[Records from a dataset]
--
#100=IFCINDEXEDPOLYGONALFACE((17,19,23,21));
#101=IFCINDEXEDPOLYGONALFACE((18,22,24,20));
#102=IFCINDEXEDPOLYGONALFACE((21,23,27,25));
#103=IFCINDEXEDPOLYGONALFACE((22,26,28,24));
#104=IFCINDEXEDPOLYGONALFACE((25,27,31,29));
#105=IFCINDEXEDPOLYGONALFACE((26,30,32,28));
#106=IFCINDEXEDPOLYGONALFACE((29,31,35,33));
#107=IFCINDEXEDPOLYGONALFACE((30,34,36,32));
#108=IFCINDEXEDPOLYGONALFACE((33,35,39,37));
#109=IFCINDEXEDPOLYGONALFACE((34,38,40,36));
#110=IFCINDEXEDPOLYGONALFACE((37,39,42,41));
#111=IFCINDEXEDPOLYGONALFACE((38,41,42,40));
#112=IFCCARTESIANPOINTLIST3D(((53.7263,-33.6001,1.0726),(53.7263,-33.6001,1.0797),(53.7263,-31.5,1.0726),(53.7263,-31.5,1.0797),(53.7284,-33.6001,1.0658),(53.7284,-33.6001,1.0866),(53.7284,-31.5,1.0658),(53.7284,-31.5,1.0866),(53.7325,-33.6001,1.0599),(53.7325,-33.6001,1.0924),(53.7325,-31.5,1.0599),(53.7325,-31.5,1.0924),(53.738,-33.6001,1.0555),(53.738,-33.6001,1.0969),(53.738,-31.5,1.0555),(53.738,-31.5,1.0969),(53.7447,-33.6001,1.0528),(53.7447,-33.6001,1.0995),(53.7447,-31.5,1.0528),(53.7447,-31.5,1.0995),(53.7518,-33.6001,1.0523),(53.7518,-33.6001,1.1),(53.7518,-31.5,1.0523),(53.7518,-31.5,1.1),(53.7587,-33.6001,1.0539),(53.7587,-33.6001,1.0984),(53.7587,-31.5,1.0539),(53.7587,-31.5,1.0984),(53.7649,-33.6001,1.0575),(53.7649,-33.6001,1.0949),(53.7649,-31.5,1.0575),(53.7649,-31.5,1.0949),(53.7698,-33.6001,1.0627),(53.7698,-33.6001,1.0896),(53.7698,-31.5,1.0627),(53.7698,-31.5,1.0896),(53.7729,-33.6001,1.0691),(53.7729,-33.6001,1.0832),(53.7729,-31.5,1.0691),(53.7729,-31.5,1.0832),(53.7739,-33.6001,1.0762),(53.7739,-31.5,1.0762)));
--
**Your assignment**.
Nothing but an exact copy of the lines from the start of the entries through the line containing "#107=IFCINDEXEDPOLYGONALFACE((30,34,36,32));" belongs in the response.

**Answer**.
#100=IFCINDEXEDPOLYGONALFACE((17,19,23,21));
#101=IFCINDEXEDPOLYGONALFACE((18,22,24,20));
#102=IFCINDEXEDPOLYGONALFACE((21,23,27,25));
#103=IFCINDEXEDPOLYGONALFACE((22,26,28,24));
#104=IFCINDEXEDPOLYGONALFACE((25,27,31,29));
#105=IFCINDEXEDPOLYGONALFACE((26,30,32,28));
#106=IFCINDEXEDPOLYGONALFACE((29,31,35,33));
#107=IFCINDEXEDPOLYGONALFACE((30,34,36,32));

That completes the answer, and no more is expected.